Task prompt -> Pick every line from the data below that contains the string "IFCSIUNIT" and copy it.

***** Record excerpts

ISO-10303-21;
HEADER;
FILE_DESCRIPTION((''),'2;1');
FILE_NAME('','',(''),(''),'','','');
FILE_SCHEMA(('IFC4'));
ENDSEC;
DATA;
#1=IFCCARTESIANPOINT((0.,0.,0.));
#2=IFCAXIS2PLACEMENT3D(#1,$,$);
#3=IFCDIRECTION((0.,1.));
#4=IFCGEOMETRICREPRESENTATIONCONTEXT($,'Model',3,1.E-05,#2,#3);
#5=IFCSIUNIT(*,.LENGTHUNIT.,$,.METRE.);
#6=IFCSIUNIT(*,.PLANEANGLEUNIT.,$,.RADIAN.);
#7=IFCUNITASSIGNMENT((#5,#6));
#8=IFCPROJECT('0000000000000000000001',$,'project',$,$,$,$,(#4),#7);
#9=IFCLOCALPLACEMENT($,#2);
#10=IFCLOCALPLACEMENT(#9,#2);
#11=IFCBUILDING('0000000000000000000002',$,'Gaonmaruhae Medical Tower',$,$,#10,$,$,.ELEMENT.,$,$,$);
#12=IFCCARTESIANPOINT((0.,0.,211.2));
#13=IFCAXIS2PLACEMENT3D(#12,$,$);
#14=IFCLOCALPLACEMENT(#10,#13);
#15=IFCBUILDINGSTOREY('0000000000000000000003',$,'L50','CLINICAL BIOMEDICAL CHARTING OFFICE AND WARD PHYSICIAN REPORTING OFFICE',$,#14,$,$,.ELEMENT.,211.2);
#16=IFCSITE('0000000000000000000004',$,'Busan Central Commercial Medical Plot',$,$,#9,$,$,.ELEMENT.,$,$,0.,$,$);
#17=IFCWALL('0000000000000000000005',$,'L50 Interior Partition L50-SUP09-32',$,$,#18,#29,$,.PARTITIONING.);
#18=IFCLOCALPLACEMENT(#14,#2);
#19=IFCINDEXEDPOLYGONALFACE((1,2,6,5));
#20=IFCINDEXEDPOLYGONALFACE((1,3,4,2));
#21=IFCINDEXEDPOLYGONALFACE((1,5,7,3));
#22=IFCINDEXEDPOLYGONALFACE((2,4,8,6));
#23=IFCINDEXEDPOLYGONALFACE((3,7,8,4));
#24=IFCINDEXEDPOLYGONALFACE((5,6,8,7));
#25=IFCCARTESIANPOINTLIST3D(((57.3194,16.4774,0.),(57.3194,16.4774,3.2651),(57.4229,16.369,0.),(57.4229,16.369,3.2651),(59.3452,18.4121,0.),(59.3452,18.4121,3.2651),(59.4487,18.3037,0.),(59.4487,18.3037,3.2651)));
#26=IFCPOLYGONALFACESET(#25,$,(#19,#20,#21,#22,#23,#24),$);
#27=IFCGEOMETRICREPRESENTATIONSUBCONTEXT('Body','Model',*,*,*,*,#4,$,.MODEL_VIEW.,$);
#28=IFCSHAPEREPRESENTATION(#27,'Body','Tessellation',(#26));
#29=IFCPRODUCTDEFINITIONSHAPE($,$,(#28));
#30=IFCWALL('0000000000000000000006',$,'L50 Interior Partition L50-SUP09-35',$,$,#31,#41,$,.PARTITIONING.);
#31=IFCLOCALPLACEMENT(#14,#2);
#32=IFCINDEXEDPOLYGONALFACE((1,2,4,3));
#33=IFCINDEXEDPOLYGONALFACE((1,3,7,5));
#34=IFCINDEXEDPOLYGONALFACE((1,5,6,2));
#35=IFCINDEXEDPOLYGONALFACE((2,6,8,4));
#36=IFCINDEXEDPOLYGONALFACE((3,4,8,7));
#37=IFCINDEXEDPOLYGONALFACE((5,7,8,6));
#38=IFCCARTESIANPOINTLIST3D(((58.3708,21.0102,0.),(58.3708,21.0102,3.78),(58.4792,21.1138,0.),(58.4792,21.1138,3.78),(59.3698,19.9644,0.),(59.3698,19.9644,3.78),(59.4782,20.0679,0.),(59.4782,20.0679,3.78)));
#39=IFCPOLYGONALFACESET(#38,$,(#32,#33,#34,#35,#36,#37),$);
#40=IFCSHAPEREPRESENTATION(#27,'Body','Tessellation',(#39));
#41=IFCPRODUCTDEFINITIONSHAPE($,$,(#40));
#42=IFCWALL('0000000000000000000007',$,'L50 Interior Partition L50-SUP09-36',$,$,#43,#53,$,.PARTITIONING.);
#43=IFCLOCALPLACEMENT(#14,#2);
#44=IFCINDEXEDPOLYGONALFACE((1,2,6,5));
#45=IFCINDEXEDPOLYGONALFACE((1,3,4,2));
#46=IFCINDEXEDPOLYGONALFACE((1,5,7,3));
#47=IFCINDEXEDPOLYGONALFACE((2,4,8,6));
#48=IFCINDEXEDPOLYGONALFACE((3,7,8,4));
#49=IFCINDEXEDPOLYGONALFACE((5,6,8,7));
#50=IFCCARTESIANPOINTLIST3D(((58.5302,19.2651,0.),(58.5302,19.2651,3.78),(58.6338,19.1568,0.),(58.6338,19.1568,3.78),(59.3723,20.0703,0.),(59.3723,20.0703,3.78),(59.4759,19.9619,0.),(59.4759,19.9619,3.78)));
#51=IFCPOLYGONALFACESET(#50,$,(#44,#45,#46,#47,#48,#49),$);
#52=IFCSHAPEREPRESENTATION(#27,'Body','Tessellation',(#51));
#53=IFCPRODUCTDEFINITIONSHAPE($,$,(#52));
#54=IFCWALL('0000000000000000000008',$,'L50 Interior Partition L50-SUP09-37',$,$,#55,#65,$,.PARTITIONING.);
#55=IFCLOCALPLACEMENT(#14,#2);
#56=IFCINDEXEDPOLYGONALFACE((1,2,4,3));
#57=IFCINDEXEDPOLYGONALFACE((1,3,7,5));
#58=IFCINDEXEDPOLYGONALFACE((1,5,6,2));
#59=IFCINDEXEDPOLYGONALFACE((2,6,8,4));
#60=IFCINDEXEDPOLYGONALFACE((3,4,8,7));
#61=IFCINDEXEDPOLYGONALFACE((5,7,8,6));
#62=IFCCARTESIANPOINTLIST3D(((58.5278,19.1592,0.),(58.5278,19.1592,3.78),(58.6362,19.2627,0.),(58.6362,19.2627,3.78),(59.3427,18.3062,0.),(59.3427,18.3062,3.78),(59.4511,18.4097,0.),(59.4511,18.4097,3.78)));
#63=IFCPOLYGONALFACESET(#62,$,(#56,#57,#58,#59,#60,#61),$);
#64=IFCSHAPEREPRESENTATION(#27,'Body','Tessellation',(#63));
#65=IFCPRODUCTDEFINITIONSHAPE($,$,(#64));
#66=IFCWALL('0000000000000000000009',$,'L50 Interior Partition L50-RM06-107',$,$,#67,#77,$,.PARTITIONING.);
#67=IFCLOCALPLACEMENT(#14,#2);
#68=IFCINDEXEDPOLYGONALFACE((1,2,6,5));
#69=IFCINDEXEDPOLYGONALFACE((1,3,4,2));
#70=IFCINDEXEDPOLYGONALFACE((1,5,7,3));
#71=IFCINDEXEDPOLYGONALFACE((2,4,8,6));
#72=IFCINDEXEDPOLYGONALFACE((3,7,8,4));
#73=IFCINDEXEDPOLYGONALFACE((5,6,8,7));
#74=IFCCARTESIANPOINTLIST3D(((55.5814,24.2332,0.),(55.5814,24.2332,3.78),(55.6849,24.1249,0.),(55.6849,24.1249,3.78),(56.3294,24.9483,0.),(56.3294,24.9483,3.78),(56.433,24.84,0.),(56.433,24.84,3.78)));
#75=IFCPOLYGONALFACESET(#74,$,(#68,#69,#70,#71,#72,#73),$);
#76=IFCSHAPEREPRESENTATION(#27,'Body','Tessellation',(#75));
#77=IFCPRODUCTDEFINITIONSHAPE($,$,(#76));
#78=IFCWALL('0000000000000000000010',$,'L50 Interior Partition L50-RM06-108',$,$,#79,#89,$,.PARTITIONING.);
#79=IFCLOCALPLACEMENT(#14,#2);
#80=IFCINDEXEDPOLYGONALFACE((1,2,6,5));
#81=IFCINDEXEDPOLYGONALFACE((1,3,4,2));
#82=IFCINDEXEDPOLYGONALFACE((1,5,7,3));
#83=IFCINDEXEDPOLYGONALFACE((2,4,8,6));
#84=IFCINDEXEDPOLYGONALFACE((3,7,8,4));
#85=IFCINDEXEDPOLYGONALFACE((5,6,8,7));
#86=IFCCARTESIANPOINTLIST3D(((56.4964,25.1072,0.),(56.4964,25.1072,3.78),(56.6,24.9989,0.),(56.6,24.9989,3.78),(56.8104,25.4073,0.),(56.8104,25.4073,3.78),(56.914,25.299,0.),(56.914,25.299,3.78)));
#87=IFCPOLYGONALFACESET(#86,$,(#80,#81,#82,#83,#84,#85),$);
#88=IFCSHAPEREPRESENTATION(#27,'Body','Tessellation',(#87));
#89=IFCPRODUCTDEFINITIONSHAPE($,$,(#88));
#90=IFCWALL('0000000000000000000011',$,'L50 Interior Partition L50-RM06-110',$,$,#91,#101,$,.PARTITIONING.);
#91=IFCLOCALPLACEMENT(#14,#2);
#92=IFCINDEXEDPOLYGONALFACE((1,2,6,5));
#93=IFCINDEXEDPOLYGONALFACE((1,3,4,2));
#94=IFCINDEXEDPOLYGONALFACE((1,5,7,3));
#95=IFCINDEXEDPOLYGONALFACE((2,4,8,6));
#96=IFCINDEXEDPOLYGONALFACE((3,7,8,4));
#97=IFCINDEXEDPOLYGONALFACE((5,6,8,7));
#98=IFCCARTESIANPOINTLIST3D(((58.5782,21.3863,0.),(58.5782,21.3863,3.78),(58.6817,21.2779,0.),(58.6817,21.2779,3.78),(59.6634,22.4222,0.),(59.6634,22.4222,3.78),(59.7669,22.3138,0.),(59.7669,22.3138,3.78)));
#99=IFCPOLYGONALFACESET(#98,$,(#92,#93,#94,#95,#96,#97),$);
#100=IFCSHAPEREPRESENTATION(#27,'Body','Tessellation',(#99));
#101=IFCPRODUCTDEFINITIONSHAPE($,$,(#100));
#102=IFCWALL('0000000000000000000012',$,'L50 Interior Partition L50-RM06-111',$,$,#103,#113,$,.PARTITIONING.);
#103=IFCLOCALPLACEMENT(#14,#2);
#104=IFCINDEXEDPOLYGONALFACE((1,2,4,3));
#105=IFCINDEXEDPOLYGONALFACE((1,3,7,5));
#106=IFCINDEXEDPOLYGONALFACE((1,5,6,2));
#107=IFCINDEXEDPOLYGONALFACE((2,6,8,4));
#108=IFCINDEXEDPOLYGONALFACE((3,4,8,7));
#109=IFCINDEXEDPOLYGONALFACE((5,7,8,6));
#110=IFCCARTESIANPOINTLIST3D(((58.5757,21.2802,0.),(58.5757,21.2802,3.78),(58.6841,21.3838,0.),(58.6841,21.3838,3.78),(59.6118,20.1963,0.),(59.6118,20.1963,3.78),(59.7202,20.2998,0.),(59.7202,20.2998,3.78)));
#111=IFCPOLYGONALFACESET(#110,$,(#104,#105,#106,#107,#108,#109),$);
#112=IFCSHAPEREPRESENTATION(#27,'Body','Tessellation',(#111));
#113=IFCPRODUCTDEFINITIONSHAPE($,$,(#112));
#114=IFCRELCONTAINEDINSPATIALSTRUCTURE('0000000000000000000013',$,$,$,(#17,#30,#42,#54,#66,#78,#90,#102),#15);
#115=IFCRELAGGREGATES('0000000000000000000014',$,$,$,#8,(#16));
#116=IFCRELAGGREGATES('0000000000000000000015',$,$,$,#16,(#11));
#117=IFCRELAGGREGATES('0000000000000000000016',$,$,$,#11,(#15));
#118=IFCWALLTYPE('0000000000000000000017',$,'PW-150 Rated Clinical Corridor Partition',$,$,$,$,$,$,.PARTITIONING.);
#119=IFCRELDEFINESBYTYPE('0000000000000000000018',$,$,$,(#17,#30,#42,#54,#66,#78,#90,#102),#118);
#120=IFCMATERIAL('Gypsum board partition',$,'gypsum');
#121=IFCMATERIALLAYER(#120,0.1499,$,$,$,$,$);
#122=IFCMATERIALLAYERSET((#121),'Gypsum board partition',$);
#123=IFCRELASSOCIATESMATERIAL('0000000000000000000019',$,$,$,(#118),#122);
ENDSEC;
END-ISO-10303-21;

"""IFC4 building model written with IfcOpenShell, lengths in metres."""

from ifc_helpers import new_model, si_unit, direction, frame, frame_2d, origin, place, context, subcontext, project, spatial, rectangle, extrude, material, layer, layer_set, type_object, element, save


model = new_model("IFC4")

# Units and contexts
model_context = context("Model", 3, precision=1e-05, world=origin(), true_north=direction((0.0, 1.0)))
body_context = subcontext(model_context, "Body", "Model", "MODEL_VIEW")
ifc_project = project(units=[si_unit("LENGTHUNIT", "METRE"), si_unit("PLANEANGLEUNIT", "RADIAN")], contexts=[model_context])

# Site, building, storey
site_placement = place(None, origin())
site = spatial("IfcSite", under=ifc_project, at=site_placement, Name="Busan Central Commercial Medical Plot", CompositionType="ELEMENT", RefElevation=0.0)
building_placement = place(site_placement, origin())
building = spatial("IfcBuilding", under=site, at=building_placement, Name="Gaonmaruhae Medical Tower", CompositionType="ELEMENT")
storey_placement = place(building_placement, frame((0.0, 0.0, 211.2)))
storey = spatial("IfcBuildingStorey", under=building, at=storey_placement, Name="L50", Description="CLINICAL BIOMEDICAL CHARTING OFFICE AND WARD PHYSICIAN REPORTING OFFICE", CompositionType="ELEMENT", Elevation=211.2)

# Walls
ifc_material_1 = material(Name="Gypsum board partition", Category="gypsum")
ifc_layer_1 = layer(ifc_material_1, 0.1499)
ifc_layer_set_1 = layer_set([ifc_layer_1], Name="Gypsum board partition")
wall_type_1 = type_object("IfcWallType", Name="PW-150 Rated Clinical Corridor Partition", PredefinedType="PARTITIONING", material=ifc_layer_set_1)
wall_1_placement = place(storey_placement, frame((59.397, 18.3579, 0.0), z_axis=(0.0, 0.0, 1.0), x_axis=(-0.723173, -0.690666, 0.0)))
element("IfcWall", 1, at=wall_1_placement, inside=storey, type_object=wall_type_1, Name="L50 Interior Partition L50-SUP09-32", PredefinedType="PARTITIONING", context=body_context, shape_type="SweptSolid", body=[
    extrude(rectangle(XDim=2.8013, YDim=0.1499, at=frame_2d((1.4006, 0.0))), origin(), (0.0, 0.0, 1.0), 3.2651),
])
wall_2_placement = place(storey_placement, frame((58.425, 21.062, 0.0), z_axis=(0.0, 0.0, 1.0), x_axis=(0.690717, -0.723126, 0.0)))
element("IfcWall", 2, at=wall_2_placement, inside=storey, type_object=wall_type_1, Name="L50 Interior Partition L50-SUP09-35", PredefinedType="PARTITIONING", context=body_context, shape_type="SweptSolid", body=[
    extrude(rectangle(XDim=1.4463, YDim=0.1499, at=frame_2d((0.7231, 0.0))), origin(), (0.0, 0.0, 1.0), 3.78),
])
wall_3_placement = place(storey_placement, frame((59.4241, 20.0161, 0.0), z_axis=(0.0, 0.0, 1.0), x_axis=(-0.722751, -0.691108, 0.0)))
element("IfcWall", 3, at=wall_3_placement, inside=storey, type_object=wall_type_1, Name="L50 Interior Partition L50-SUP09-36", PredefinedType="PARTITIONING", context=body_context, shape_type="SweptSolid", body=[
    extrude(rectangle(XDim=1.165, YDim=0.1499, at=frame_2d((0.5825, 0.0))), origin(), (0.0, 0.0, 1.0), 3.78),
])
wall_4_placement = place(storey_placement, frame((58.582, 19.2109, 0.0), z_axis=(0.0, 0.0, 1.0), x_axis=(0.690781, -0.723064, 0.0)))
element("IfcWall", 4, at=wall_4_placement, inside=storey, type_object=wall_type_1, Name="L50 Interior Partition L50-SUP09-37", PredefinedType="PARTITIONING", context=body_context, shape_type="SweptSolid", body=[
    extrude(rectangle(XDim=1.1797, YDim=0.1499, at=frame_2d((0.5898, 0.0))), origin(), (0.0, 0.0, 1.0), 3.78),
])
wall_5_placement = place(storey_placement, frame((55.6331, 24.179, 0.0), z_axis=(0.0, 0.0, 1.0), x_axis=(0.722852, 0.691003, 0.0)))
element("IfcWall", 5, at=wall_5_placement, inside=storey, type_object=wall_type_1, Name="L50 Interior Partition L50-RM06-107", PredefinedType="PARTITIONING", context=body_context, shape_type="SweptSolid", body=[
    extrude(rectangle(XDim=1.0349, YDim=0.1499, at=frame_2d((0.5176, 0.0))), origin(), (0.0, 0.0, 1.0), 3.78),
])
wall_6_placement = place(storey_placement, frame((56.5481, 25.053, 0.0), z_axis=(0.0, 0.0, 1.0), x_axis=(0.722947, 0.690903, 0.0)))
element("IfcWall", 6, at=wall_6_placement, inside=storey, type_object=wall_type_1, Name="L50 Interior Partition L50-RM06-108", PredefinedType="PARTITIONING", context=body_context, shape_type="SweptSolid", body=[
    extrude(rectangle(XDim=0.4343, YDim=0.1499, at=frame_2d((0.2173, 0.0))), origin(), (0.0, 0.0, 1.0), 3.78),
])
wall_7_placement = place(storey_placement, frame((59.7151, 22.3679, 0.0), z_axis=(0.0, 0.0, 1.0), x_axis=(-0.723352, -0.69048, 0.0)))
element("IfcWall", 7, at=wall_7_placement, inside=storey, type_object=wall_type_1, Name="L50 Interior Partition L50-RM06-110", PredefinedType="PARTITIONING", context=body_context, shape_type="SweptSolid", body=[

**********

Task answer ->
#5=IFCSIUNIT(*,.LENGTHUNIT.,$,.METRE.);
#6=IFCSIUNIT(*,.PLANEANGLEUNIT.,$,.RADIAN.);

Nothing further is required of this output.